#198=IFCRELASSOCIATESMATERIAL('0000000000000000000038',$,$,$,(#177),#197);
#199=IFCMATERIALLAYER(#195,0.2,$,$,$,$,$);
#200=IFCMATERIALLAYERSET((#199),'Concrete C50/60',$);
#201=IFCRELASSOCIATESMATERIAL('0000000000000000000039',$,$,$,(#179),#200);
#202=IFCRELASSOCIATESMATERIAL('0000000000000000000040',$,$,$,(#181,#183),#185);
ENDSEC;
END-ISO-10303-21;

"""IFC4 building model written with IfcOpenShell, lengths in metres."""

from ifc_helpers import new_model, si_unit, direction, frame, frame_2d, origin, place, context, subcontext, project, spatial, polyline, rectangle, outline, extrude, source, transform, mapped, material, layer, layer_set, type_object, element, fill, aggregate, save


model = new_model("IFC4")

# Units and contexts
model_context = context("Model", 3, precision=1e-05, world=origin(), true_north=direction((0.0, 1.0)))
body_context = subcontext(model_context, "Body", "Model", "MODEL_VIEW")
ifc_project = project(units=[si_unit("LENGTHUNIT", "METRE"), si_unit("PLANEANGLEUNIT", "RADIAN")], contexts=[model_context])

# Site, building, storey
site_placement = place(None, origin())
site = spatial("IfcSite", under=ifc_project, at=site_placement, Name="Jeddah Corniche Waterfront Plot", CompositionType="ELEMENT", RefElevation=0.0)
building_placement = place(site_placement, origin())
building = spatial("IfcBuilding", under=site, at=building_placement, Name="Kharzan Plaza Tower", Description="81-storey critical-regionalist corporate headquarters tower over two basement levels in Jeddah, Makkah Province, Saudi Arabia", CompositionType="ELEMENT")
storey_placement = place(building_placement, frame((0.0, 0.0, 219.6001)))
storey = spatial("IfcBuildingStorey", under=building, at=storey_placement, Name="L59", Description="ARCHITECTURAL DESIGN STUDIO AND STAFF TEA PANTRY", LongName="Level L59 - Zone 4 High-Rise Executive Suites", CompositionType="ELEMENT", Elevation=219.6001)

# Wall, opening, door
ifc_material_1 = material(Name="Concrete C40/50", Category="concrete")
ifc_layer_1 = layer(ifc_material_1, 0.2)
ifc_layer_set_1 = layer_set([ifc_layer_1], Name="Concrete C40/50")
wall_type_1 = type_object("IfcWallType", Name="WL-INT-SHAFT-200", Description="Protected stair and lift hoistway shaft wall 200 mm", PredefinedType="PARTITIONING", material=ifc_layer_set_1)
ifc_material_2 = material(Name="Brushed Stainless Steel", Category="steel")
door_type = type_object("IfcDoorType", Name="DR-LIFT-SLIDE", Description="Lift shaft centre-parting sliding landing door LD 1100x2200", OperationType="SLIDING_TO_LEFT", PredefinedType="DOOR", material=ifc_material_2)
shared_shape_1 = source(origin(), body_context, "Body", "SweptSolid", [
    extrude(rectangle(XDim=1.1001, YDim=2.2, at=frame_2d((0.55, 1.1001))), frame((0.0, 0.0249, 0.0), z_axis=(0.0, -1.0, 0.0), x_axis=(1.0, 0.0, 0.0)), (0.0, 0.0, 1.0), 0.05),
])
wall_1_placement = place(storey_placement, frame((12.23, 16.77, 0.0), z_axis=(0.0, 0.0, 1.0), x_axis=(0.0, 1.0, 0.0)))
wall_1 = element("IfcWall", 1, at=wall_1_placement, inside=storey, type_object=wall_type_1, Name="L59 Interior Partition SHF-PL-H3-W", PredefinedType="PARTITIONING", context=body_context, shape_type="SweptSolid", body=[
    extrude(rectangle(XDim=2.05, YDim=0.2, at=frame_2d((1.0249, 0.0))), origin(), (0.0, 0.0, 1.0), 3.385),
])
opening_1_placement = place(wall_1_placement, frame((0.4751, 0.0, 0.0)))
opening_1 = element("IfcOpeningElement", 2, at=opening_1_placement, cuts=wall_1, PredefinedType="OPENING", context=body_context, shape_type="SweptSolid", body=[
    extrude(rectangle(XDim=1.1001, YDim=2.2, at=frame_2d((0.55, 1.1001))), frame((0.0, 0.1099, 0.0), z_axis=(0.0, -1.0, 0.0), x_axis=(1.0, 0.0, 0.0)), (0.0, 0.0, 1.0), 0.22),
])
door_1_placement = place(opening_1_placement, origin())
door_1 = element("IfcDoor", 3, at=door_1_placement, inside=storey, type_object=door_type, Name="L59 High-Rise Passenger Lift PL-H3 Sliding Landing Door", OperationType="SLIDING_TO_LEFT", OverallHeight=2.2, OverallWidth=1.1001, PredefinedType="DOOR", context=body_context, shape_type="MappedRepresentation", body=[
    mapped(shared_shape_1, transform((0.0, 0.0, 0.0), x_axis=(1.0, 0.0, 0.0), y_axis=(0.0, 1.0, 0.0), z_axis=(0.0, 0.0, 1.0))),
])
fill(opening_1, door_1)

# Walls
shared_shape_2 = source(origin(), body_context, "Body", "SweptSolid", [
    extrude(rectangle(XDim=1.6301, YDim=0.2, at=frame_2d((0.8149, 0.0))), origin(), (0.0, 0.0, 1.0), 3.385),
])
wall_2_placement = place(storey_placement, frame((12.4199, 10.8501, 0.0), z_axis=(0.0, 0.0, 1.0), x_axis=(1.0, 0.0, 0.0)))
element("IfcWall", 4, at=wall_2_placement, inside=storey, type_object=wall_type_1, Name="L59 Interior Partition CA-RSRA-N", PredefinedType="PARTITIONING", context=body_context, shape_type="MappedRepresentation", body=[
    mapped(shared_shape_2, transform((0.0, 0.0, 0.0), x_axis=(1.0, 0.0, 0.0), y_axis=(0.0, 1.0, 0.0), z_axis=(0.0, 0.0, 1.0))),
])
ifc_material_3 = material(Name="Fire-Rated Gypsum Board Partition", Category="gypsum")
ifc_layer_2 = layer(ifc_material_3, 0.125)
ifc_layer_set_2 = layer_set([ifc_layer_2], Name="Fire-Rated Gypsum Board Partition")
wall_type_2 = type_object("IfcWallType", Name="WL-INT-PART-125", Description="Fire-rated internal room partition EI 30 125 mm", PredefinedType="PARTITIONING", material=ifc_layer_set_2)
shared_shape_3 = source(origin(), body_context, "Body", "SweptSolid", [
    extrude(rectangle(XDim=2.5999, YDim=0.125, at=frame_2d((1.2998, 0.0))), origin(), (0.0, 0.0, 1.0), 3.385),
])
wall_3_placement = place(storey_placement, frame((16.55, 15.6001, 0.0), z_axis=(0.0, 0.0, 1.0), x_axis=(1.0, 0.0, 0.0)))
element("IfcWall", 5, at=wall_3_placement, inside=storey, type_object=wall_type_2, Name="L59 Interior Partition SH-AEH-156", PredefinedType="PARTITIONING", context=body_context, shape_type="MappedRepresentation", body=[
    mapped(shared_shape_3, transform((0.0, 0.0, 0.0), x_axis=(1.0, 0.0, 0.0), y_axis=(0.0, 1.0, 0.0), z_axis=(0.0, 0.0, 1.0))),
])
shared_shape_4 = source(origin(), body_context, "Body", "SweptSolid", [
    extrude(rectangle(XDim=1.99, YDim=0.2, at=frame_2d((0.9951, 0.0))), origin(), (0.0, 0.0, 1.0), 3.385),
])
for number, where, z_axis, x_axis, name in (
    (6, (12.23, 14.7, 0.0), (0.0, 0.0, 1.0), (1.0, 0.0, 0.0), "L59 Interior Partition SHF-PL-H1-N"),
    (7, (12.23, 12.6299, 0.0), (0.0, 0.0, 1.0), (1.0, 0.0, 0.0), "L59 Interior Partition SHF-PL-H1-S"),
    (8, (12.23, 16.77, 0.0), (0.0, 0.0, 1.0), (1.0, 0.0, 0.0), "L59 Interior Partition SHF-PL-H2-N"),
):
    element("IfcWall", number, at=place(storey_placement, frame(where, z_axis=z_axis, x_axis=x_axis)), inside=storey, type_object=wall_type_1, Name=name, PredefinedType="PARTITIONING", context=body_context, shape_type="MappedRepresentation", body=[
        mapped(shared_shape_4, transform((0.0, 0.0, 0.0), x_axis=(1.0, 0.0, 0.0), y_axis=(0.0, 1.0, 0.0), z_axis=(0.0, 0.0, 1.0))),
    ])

****************

PROBLEM DETAILS:
In the listing above, locate the line containing "from ifc_helpers import" and the line containing "building_placement = place(site_placement, origin())", then transcribe both and every line between them verbatim.

ANSWER SECTION:
from ifc_helpers import new_model, si_unit, direction, frame, frame_2d, origin, place, context, subcontext, project, spatial, polyline, rectangle, outline, extrude, source, transform, mapped, material, layer, layer_set, type_object, element, fill, aggregate, save


model = new_model("IFC4")

# Units and contexts
model_context = context("Model", 3, precision=1e-05, world=origin(), true_north=direction((0.0, 1.0)))
body_context = subcontext(model_context, "Body", "Model", "MODEL_VIEW")
ifc_project = project(units=[si_unit("LENGTHUNIT", "METRE"), si_unit("PLANEANGLEUNIT", "RADIAN")], contexts=[model_context])

# Site, building, storey
site_placement = place(None, origin())
site = spatial("IfcSite", under=ifc_project, at=site_placement, Name="Jeddah Corniche Waterfront Plot", CompositionType="ELEMENT", RefElevation=0.0)
building_placement = place(site_placement, origin())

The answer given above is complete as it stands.